Task to complete – In the material below, find the line with "#144=IFCINDEXEDPOLYGONALFACE((1,5,6,2));" and the line with "#159=IFCINDEXEDPOLYGONALFACE((29,33,34,30));", then output those two lines and every line between them, exactly.

·····

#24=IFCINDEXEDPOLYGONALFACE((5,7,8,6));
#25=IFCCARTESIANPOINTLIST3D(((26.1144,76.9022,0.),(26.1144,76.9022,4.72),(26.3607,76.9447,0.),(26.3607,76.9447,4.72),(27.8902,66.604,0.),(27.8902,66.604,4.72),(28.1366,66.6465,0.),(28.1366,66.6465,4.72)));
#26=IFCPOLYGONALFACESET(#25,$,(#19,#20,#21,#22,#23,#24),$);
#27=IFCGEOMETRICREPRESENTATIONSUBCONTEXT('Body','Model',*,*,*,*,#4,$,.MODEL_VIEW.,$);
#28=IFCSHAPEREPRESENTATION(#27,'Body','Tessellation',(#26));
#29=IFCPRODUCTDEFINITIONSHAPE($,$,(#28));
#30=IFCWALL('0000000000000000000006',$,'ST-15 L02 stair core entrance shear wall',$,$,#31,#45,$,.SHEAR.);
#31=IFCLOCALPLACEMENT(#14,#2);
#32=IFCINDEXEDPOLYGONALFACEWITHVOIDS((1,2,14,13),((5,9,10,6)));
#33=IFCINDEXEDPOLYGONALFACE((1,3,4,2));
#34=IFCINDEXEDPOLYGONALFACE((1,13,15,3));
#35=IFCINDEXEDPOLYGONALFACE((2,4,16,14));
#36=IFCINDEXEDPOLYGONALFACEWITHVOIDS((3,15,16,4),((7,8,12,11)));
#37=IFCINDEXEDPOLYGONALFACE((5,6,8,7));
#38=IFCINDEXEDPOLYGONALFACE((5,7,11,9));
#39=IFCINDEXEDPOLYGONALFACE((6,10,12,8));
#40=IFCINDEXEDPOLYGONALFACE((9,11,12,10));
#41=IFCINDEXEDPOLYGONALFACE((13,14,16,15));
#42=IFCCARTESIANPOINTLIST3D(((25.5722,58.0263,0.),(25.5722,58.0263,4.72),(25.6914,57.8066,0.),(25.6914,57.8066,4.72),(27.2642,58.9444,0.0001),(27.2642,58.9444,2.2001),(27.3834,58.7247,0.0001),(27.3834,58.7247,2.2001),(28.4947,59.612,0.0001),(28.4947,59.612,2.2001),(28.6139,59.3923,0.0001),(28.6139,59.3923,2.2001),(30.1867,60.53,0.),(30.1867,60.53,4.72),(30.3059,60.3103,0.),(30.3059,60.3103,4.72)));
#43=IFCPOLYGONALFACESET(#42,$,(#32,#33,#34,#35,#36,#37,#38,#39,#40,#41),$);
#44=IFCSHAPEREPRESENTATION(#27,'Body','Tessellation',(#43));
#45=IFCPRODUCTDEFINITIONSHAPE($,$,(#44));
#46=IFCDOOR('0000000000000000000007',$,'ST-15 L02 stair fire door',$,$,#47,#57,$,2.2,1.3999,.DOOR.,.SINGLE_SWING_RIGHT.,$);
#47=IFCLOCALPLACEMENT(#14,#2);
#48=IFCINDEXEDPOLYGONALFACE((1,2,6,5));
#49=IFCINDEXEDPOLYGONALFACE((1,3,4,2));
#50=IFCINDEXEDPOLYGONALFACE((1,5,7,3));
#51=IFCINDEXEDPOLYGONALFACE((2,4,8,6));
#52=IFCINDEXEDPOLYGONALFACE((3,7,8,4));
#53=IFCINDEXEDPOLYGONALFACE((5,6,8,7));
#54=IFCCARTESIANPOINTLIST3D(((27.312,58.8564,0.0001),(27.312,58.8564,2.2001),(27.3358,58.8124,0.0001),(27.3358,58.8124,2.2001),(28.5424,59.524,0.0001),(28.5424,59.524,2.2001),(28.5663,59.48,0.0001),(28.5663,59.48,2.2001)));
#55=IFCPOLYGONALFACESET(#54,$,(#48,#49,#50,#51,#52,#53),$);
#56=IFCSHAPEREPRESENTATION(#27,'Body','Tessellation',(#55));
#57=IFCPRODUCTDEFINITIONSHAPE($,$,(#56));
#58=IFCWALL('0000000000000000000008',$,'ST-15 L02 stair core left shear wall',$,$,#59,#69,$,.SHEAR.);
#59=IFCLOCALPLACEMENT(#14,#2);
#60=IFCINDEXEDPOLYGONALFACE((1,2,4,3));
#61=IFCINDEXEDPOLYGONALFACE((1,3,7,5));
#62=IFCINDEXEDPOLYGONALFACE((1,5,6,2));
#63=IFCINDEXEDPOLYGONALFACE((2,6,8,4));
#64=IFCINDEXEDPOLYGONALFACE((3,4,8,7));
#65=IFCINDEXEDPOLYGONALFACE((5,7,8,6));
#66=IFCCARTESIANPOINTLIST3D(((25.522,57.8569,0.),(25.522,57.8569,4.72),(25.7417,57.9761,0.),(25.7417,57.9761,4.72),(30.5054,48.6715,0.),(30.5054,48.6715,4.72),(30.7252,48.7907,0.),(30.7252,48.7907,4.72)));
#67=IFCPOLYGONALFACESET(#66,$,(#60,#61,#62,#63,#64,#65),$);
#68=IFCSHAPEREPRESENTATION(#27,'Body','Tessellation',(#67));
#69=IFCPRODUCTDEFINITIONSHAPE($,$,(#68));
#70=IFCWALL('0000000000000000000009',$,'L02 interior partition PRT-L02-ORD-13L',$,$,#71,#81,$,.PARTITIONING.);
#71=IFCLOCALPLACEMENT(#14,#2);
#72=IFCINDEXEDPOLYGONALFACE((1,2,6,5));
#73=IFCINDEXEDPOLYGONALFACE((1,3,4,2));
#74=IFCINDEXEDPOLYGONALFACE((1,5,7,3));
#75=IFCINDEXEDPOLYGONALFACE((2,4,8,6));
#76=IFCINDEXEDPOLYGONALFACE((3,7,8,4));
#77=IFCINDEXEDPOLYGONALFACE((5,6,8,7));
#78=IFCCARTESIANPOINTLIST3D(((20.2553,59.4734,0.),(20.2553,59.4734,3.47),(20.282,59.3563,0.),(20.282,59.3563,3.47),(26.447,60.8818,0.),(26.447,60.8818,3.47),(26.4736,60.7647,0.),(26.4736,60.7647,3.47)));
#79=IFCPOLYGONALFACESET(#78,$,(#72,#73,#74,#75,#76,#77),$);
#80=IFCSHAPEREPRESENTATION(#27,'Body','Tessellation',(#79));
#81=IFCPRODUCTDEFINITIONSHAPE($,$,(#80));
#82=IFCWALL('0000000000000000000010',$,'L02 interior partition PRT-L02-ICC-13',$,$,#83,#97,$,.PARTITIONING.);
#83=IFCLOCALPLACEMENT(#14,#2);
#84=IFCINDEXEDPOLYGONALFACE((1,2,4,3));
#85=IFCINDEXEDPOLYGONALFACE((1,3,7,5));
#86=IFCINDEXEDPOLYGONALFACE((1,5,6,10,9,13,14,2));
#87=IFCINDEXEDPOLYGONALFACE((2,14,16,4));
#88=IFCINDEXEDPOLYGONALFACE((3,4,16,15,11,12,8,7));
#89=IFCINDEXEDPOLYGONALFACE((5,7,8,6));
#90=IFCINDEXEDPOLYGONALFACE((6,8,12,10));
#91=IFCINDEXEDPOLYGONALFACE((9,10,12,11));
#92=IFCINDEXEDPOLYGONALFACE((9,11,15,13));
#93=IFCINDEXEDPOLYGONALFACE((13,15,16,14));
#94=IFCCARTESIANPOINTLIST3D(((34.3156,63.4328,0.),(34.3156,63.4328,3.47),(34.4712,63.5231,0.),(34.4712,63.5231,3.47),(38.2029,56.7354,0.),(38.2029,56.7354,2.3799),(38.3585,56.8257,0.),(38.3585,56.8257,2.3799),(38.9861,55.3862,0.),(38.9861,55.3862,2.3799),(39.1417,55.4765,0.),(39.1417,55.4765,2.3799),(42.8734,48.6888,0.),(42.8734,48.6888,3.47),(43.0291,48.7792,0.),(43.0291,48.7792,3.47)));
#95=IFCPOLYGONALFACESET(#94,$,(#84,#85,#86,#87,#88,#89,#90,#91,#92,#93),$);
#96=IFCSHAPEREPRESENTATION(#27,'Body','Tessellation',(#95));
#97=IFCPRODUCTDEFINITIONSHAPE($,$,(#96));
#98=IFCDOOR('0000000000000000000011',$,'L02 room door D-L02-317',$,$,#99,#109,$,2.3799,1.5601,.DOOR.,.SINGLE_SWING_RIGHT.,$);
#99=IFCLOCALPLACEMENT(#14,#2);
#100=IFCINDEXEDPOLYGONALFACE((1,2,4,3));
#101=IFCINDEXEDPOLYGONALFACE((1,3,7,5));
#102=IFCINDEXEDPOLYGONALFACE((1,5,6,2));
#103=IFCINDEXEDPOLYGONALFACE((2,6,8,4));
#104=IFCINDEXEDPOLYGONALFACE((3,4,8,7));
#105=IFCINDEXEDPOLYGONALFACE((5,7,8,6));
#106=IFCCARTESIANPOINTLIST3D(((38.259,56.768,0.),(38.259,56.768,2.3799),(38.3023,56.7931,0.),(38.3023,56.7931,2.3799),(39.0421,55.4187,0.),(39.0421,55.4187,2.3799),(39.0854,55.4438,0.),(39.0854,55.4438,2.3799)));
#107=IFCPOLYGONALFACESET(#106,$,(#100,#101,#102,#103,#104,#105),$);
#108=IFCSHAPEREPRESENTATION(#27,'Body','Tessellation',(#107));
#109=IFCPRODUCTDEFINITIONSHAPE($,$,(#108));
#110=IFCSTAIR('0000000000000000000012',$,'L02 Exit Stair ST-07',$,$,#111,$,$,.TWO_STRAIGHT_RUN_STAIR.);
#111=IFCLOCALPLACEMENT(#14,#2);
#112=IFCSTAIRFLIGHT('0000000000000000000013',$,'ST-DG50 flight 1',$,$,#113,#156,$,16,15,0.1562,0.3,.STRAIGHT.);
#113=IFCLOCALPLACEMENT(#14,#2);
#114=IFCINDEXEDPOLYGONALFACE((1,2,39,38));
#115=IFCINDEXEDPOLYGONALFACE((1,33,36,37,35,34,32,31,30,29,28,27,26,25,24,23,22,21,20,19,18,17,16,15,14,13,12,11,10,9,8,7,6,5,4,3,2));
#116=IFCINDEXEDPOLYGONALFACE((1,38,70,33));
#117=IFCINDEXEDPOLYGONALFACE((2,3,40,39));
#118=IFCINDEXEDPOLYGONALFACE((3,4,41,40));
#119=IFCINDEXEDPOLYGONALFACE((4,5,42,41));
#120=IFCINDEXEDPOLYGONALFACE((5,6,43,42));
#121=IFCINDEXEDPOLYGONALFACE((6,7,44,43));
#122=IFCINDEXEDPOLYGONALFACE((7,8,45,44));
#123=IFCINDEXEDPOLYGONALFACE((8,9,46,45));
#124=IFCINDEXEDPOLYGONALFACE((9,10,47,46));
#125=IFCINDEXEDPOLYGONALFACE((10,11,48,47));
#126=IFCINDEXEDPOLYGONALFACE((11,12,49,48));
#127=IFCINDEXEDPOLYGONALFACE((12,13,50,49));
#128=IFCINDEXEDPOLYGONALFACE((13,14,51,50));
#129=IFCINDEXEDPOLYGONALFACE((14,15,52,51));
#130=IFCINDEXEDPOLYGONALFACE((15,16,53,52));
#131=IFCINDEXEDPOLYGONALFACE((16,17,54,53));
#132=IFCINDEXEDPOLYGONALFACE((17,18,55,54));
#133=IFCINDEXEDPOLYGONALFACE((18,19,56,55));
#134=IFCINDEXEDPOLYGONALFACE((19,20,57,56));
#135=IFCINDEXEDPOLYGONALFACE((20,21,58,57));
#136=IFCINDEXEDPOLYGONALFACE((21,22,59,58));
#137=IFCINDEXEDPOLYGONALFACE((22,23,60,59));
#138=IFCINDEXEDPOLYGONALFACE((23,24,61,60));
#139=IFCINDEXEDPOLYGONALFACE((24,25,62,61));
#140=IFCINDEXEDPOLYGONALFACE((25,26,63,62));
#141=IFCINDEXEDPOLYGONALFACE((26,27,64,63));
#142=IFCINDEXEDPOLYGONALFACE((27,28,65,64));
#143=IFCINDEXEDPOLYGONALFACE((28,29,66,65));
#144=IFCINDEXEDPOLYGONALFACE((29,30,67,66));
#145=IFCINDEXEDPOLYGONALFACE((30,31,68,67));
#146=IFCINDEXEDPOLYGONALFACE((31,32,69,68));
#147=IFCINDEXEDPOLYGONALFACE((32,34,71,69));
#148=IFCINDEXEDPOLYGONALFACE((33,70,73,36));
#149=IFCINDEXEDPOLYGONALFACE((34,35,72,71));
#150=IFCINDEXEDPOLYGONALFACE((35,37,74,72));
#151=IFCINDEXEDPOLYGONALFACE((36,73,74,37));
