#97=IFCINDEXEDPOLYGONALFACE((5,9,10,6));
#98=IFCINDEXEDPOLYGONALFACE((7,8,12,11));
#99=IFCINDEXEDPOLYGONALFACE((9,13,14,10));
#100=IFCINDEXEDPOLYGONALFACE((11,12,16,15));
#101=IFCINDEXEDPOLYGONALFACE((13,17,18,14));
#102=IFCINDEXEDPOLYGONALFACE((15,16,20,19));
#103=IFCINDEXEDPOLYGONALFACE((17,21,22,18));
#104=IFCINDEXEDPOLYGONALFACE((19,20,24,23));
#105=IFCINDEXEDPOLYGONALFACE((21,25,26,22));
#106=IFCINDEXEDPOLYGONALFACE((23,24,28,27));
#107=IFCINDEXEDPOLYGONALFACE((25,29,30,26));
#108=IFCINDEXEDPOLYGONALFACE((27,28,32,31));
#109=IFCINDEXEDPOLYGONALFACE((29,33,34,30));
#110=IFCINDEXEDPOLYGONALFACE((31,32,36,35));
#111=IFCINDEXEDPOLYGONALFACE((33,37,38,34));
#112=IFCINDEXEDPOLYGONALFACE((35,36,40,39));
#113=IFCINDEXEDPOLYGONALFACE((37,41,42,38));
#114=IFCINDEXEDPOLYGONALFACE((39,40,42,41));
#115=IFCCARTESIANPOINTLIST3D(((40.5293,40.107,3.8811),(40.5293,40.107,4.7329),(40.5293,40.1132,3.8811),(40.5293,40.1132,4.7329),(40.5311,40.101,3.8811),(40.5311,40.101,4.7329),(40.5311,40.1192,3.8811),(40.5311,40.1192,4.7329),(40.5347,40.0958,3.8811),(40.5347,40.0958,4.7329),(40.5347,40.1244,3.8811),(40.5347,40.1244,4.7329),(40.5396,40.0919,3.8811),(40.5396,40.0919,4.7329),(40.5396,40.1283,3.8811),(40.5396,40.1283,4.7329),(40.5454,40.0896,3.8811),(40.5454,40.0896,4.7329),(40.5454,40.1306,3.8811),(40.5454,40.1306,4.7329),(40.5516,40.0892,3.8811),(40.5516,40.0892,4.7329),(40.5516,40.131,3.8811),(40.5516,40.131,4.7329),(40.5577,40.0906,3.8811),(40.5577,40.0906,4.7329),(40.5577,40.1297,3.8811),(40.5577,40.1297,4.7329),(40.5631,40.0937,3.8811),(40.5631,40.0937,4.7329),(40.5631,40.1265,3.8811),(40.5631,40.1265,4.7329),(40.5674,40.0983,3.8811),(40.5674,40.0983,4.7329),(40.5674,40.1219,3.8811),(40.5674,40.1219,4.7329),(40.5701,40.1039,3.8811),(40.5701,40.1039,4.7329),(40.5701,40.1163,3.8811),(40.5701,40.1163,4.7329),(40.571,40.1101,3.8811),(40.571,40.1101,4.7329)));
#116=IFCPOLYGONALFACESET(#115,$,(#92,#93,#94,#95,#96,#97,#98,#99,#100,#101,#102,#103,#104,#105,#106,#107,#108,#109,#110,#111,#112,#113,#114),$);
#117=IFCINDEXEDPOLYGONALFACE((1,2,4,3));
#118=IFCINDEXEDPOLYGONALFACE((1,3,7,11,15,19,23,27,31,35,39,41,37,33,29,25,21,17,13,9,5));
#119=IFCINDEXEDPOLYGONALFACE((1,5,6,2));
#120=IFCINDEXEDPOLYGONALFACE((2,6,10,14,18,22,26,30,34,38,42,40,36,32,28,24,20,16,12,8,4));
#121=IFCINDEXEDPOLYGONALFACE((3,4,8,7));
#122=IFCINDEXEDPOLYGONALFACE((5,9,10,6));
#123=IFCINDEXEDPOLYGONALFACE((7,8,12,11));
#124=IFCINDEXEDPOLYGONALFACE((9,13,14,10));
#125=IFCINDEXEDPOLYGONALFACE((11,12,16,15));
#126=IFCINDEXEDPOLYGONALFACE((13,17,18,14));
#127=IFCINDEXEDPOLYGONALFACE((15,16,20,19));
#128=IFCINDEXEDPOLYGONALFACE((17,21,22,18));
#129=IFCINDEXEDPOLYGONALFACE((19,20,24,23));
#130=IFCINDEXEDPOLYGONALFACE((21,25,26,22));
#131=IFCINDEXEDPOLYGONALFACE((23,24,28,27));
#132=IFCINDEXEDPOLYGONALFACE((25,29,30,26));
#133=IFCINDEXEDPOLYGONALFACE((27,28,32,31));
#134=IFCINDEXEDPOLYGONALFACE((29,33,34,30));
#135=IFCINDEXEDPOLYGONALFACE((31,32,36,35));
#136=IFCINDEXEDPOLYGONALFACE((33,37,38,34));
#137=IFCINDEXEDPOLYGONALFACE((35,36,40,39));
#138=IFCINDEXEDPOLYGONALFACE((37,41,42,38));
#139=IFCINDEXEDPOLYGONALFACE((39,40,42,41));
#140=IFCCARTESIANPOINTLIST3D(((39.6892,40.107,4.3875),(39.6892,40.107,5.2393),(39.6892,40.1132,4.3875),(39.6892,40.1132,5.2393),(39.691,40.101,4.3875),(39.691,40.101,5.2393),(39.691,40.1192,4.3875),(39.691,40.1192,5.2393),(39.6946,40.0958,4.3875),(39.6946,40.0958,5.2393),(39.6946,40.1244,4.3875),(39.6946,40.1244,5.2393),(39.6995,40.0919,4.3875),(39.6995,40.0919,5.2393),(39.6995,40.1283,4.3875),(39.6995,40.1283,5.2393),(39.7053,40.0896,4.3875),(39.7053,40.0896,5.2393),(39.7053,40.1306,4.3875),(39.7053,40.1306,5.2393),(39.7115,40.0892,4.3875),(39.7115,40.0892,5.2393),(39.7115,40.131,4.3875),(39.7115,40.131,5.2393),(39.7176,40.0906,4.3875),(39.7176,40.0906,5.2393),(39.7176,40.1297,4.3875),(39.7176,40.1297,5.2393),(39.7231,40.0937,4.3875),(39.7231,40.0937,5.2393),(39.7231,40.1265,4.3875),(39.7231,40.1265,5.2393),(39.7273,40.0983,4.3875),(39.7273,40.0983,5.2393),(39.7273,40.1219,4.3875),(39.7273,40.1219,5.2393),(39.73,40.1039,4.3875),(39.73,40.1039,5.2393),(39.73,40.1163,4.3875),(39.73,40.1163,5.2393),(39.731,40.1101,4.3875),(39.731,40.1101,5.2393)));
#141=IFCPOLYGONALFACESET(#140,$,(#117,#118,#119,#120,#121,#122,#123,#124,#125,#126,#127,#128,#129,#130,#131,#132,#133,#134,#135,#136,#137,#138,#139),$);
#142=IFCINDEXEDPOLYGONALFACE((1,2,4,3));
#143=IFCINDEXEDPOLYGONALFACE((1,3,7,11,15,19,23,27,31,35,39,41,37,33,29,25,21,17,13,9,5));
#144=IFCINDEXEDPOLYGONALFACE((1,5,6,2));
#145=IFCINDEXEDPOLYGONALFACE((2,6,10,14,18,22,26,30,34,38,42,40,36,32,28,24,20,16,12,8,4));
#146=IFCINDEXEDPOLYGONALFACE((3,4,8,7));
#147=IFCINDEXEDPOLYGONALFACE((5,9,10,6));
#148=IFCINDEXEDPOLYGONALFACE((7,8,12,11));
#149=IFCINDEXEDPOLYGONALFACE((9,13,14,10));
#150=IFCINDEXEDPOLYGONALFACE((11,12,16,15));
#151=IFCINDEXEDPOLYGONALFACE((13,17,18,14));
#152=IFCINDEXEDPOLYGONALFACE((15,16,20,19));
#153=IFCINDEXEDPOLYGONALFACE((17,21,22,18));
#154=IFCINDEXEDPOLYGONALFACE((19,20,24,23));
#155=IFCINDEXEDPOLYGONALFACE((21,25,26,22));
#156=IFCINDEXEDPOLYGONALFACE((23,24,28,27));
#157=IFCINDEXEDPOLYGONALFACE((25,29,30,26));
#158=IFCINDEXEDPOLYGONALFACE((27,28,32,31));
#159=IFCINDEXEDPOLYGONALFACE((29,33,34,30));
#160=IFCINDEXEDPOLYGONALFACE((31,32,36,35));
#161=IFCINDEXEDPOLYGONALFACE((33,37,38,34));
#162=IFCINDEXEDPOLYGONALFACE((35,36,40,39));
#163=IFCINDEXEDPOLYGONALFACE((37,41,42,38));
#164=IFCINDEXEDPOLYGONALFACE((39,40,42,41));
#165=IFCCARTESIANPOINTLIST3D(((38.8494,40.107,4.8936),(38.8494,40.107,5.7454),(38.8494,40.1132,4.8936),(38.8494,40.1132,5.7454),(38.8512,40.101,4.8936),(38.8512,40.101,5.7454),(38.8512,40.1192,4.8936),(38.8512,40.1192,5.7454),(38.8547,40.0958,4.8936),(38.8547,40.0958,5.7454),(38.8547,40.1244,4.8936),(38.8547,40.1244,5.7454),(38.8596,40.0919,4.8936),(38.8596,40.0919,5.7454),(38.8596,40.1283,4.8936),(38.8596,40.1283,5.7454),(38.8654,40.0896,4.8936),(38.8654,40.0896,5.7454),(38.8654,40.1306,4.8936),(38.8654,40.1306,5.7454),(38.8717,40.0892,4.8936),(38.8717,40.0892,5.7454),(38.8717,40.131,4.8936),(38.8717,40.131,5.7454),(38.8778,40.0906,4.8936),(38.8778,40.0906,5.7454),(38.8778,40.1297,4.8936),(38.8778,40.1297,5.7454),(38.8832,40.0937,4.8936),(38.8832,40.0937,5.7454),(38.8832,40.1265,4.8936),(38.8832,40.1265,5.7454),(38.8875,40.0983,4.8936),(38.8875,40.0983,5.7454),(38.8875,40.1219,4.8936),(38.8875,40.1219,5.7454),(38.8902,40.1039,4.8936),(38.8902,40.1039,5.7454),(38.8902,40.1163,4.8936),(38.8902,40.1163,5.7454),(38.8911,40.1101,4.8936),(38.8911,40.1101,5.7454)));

·····

Result of this task –
#144=IFCINDEXEDPOLYGONALFACE((1,5,6,2));
#145=IFCINDEXEDPOLYGONALFACE((2,6,10,14,18,22,26,30,34,38,42,40,36,32,28,24,20,16,12,8,4));
#146=IFCINDEXEDPOLYGONALFACE((3,4,8,7));
#147=IFCINDEXEDPOLYGONALFACE((5,9,10,6));
#148=IFCINDEXEDPOLYGONALFACE((7,8,12,11));
#149=IFCINDEXEDPOLYGONALFACE((9,13,14,10));
#150=IFCINDEXEDPOLYGONALFACE((11,12,16,15));
#151=IFCINDEXEDPOLYGONALFACE((13,17,18,14));
#152=IFCINDEXEDPOLYGONALFACE((15,16,20,19));
#153=IFCINDEXEDPOLYGONALFACE((17,21,22,18));
#154=IFCINDEXEDPOLYGONALFACE((19,20,24,23));
#155=IFCINDEXEDPOLYGONALFACE((21,25,26,22));
#156=IFCINDEXEDPOLYGONALFACE((23,24,28,27));
#157=IFCINDEXEDPOLYGONALFACE((25,29,30,26));
#158=IFCINDEXEDPOLYGONALFACE((27,28,32,31));
#159=IFCINDEXEDPOLYGONALFACE((29,33,34,30));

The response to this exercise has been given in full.